• Exercise
Transcribe exactly the span of lines that begins the records and ends with the line holding "#7=IFCUNITASSIGNMENT((#5,#6));", both boundary lines included.

[Dataset entries]

Segment Open

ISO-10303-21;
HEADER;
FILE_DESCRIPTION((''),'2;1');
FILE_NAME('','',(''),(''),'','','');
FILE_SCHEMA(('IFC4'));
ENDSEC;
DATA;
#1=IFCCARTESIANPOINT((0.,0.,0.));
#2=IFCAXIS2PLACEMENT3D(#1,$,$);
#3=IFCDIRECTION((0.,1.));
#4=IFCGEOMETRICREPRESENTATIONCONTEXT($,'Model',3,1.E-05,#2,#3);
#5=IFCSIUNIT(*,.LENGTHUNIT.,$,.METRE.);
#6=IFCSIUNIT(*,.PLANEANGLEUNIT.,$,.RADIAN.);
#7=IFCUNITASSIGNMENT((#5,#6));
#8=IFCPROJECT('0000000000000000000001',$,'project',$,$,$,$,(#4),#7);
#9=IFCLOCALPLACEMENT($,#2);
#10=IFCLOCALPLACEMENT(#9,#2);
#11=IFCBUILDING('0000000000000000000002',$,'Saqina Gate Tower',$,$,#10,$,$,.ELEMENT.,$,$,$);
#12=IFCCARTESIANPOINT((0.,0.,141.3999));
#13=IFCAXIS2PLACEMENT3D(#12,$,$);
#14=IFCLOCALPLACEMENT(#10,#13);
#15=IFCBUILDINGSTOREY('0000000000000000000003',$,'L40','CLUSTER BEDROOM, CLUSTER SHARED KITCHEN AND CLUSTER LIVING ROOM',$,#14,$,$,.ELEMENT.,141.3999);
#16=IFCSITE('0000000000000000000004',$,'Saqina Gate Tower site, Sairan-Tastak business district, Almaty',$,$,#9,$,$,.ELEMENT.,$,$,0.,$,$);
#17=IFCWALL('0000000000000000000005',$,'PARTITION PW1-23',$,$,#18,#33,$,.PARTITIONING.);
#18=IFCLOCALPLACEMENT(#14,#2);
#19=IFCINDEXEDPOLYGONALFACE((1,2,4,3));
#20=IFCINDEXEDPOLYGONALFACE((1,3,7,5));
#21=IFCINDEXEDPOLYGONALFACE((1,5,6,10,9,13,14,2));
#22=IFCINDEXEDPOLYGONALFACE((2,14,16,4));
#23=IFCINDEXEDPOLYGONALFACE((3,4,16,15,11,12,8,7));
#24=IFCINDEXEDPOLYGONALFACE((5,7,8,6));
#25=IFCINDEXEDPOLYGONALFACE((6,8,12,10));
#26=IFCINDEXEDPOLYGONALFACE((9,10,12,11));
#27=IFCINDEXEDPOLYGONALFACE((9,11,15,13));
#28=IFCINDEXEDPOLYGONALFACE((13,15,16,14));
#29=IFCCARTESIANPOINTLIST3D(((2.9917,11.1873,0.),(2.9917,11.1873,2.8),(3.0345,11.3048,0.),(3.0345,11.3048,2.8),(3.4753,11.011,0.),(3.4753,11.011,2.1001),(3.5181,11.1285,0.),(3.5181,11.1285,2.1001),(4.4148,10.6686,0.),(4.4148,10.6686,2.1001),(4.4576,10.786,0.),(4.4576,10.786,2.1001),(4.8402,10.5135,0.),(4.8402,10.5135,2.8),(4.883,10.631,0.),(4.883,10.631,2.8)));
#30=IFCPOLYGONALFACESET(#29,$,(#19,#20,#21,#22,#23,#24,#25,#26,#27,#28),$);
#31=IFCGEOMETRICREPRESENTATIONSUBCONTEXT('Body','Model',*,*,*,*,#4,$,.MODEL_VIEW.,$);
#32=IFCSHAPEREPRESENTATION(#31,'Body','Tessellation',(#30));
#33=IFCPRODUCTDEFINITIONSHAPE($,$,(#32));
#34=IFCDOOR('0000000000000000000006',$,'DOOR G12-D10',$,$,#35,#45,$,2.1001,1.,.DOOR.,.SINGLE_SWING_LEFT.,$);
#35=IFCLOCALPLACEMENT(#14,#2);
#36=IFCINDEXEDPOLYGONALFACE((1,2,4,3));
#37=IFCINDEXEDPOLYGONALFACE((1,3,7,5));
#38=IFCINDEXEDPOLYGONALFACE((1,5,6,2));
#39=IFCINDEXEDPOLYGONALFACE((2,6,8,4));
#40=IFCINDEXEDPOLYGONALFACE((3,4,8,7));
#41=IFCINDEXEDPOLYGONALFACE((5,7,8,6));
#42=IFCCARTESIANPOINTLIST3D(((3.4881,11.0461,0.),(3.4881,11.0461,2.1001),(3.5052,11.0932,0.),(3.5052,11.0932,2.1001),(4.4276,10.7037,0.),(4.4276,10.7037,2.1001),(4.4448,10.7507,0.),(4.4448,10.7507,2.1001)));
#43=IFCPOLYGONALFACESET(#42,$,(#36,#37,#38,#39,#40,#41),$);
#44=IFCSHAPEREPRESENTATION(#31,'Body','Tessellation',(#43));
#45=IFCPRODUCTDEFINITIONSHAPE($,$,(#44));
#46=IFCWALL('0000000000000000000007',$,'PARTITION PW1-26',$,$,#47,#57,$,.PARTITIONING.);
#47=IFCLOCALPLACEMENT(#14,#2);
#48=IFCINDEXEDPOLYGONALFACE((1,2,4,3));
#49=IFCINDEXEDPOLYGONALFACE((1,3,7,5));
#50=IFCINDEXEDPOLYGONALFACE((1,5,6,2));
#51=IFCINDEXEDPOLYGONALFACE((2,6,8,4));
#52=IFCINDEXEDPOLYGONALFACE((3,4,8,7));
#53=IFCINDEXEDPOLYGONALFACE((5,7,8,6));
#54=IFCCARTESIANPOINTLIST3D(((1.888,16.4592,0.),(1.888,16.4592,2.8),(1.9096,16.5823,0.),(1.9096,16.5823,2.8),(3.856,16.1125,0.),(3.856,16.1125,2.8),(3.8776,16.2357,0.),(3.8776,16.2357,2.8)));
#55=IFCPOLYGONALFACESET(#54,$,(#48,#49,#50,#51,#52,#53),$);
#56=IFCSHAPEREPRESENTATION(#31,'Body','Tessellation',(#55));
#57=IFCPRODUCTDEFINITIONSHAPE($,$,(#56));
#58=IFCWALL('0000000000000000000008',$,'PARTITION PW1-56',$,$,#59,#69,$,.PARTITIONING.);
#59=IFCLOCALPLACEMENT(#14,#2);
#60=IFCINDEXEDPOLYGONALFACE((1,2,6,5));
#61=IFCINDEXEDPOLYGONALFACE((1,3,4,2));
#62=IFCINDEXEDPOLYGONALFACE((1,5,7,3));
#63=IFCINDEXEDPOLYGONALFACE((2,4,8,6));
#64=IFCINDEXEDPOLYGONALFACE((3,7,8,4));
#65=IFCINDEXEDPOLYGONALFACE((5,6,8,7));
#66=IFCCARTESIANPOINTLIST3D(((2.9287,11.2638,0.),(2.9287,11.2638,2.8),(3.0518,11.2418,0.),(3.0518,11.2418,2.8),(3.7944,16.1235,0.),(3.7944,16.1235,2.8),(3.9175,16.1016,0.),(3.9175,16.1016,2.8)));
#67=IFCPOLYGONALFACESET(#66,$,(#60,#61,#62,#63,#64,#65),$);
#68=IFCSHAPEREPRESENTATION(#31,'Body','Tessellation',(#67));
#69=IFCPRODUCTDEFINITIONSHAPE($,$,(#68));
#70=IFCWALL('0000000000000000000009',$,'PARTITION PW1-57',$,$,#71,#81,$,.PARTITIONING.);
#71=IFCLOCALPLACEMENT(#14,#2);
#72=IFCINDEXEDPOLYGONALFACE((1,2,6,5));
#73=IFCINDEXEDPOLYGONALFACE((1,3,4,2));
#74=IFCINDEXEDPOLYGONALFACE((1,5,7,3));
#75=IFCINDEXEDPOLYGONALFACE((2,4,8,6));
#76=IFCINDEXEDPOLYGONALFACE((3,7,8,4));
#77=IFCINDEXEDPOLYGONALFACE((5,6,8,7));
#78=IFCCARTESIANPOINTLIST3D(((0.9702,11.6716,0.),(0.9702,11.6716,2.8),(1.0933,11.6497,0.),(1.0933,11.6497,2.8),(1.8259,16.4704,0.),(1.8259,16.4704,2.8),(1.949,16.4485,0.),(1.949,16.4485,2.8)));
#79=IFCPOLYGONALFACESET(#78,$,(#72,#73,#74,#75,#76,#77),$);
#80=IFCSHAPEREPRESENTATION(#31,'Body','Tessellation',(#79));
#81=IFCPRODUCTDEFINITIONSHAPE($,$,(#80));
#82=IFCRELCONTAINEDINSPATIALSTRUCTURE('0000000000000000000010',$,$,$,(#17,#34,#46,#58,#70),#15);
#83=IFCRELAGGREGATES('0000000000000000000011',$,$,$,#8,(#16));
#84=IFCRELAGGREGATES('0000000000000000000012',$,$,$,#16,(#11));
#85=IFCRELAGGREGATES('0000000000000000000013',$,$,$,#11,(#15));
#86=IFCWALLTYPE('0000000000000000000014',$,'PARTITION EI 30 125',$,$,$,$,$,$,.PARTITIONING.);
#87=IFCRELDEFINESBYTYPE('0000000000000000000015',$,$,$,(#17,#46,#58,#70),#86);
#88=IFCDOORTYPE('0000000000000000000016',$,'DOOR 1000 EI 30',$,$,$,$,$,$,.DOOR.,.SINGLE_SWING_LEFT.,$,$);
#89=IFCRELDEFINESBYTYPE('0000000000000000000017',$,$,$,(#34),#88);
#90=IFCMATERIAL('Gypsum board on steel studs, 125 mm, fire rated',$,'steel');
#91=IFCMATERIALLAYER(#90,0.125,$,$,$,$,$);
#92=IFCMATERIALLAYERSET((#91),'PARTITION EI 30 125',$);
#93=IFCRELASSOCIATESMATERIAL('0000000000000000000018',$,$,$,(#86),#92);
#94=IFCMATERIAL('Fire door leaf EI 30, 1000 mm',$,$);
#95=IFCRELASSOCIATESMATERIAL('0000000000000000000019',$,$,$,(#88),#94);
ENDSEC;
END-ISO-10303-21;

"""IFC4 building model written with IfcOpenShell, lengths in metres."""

from ifc_helpers import new_model, si_unit, direction, frame, frame_2d, origin, place, context, subcontext, project, spatial, rectangle, extrude, material, layer, layer_set, type_object, element, fill, save


model = new_model("IFC4")

# Units and contexts
model_context = context("Model", 3, precision=1e-05, world=origin(), true_north=direction((0.0, 1.0)))
body_context = subcontext(model_context, "Body", "Model", "MODEL_VIEW")
ifc_project = project(units=[si_unit("LENGTHUNIT", "METRE"), si_unit("PLANEANGLEUNIT", "RADIAN")], contexts=[model_context])

# Site, building, storey
site_placement = place(None, origin())
site = spatial("IfcSite", under=ifc_project, at=site_placement, Name="Saqina Gate Tower site, Sairan-Tastak business district, Almaty", CompositionType="ELEMENT", RefElevation=0.0)
building_placement = place(site_placement, origin())
building = spatial("IfcBuilding", under=site, at=building_placement, Name="Saqina Gate Tower", CompositionType="ELEMENT")
storey_placement = place(building_placement, frame((0.0, 0.0, 141.3999)))
storey = spatial("IfcBuildingStorey", under=building, at=storey_placement, Name="L40", Description="CLUSTER BEDROOM, CLUSTER SHARED KITCHEN AND CLUSTER LIVING ROOM", CompositionType="ELEMENT", Elevation=141.3999)

# Shared definitions
ifc_material_1 = material(Name="Gypsum board on steel studs, 125 mm, fire rated", Category="steel")
ifc_layer_1 = layer(ifc_material_1, 0.125)
ifc_layer_set_1 = layer_set([ifc_layer_1], Name="PARTITION EI 30 125")
wall_type_1 = type_object("IfcWallType", Name="PARTITION EI 30 125", PredefinedType="PARTITIONING", material=ifc_layer_set_1)

# Wall, opening, door
wall_1_placement = place(storey_placement, frame((3.0129, 11.2461, 0.0), z_axis=(0.0, 0.0, 1.0), x_axis=(0.939532, -0.34246, 0.0)))
wall_1 = element("IfcWall", 1, at=wall_1_placement, inside=storey, type_object=wall_type_1, Name="PARTITION PW1-23", PredefinedType="PARTITIONING", context=body_context, shape_type="SweptSolid", body=[
    extrude(rectangle(XDim=1.9675, YDim=0.125, at=frame_2d((0.9839, 0.0))), origin(), (0.0, 0.0, 1.0), 2.8),
])
opening_1_placement = place(wall_1_placement, frame((0.5149, 0.0, 0.0)))
opening_1 = element("IfcOpeningElement", 2, at=opening_1_placement, cuts=wall_1, PredefinedType="OPENING", context=body_context, shape_type="SweptSolid", body=[
    extrude(rectangle(XDim=1.0, YDim=2.1001, at=frame_2d((0.5, 1.05))), frame((0.0, 0.0745, 0.0), z_axis=(0.0, -1.0, 0.0), x_axis=(1.0, 0.0, 0.0)), (0.0, 0.0, 1.0), 0.1489),
])
ifc_material_2 = material(Name="Fire door leaf EI 30, 1000 mm")
door_type_1 = type_object("IfcDoorType", Name="DOOR 1000 EI 30", OperationType="SINGLE_SWING_LEFT", PredefinedType="DOOR", material=ifc_material_2)
door_1_placement = place(opening_1_placement, origin())
door_1 = element("IfcDoor", 3, at=door_1_placement, inside=storey, type_object=door_type_1, Name="DOOR G12-D10", OperationType="SINGLE_SWING_LEFT", OverallHeight=2.1001, OverallWidth=1.0, PredefinedType="DOOR", context=body_context, shape_type="SweptSolid", body=[
    extrude(rectangle(XDim=1.0, YDim=2.1001, at=frame_2d((0.5, 1.05))), frame((0.0, 0.0249, 0.0), z_axis=(0.0, -1.0, 0.0), x_axis=(1.0, 0.0, 0.0)), (0.0, 0.0, 1.0), 0.05),
])
fill(opening_1, door_1)

# Walls
wall_2_placement = place(storey_placement, frame((1.8989, 16.5208, 0.0), z_axis=(0.0, 0.0, 1.0), x_axis=(0.984836, -0.173486, 0.0)))
element("IfcWall", 4, at=wall_2_placement, inside=storey, type_object=wall_type_1, Name="PARTITION PW1-26", PredefinedType="PARTITIONING", context=body_context, shape_type="SweptSolid", body=[
    extrude(rectangle(XDim=1.9983, YDim=0.125, at=frame_2d((0.999, 0.0))), origin(), (0.0, 0.0, 1.0), 2.8),
])
wall_3_placement = place(storey_placement, frame((2.9902, 11.2527, 0.0), z_axis=(0.0, 0.0, 1.0), x_axis=(0.175376, 0.984501, 0.0)))
element("IfcWall", 5, at=wall_3_placement, inside=storey, type_object=wall_type_1, Name="PARTITION PW1-56", PredefinedType="PARTITIONING", context=body_context, shape_type="SweptSolid", body=[
    extrude(rectangle(XDim=4.9363, YDim=0.125, at=frame_2d((2.4683, 0.0))), origin(), (0.0, 0.0, 1.0), 2.8),
])
wall_4_placement = place(storey_placement, frame((1.0317, 11.6606, 0.0), z_axis=(0.0, 0.0, 1.0), x_axis=(0.175548, 0.984471, 0.0)))
element("IfcWall", 6, at=wall_4_placement, inside=storey, type_object=wall_type_1, Name="PARTITION PW1-57", PredefinedType="PARTITIONING", context=body_context, shape_type="SweptSolid", body=[
    extrude(rectangle(XDim=4.8745, YDim=0.125, at=frame_2d((2.4373, 0.0))), origin(), (0.0, 0.0, 1.0), 2.8),
])

save(model, "model.ifc")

Segment Closed

• Task response
ISO-10303-21;
HEADER;
FILE_DESCRIPTION((''),'2;1');
FILE_NAME('','',(''),(''),'','','');
FILE_SCHEMA(('IFC4'));
ENDSEC;
DATA;
#1=IFCCARTESIANPOINT((0.,0.,0.));
#2=IFCAXIS2PLACEMENT3D(#1,$,$);
#3=IFCDIRECTION((0.,1.));
#4=IFCGEOMETRICREPRESENTATIONCONTEXT($,'Model',3,1.E-05,#2,#3);
#5=IFCSIUNIT(*,.LENGTHUNIT.,$,.METRE.);
#6=IFCSIUNIT(*,.PLANEANGLEUNIT.,$,.RADIAN.);
#7=IFCUNITASSIGNMENT((#5,#6));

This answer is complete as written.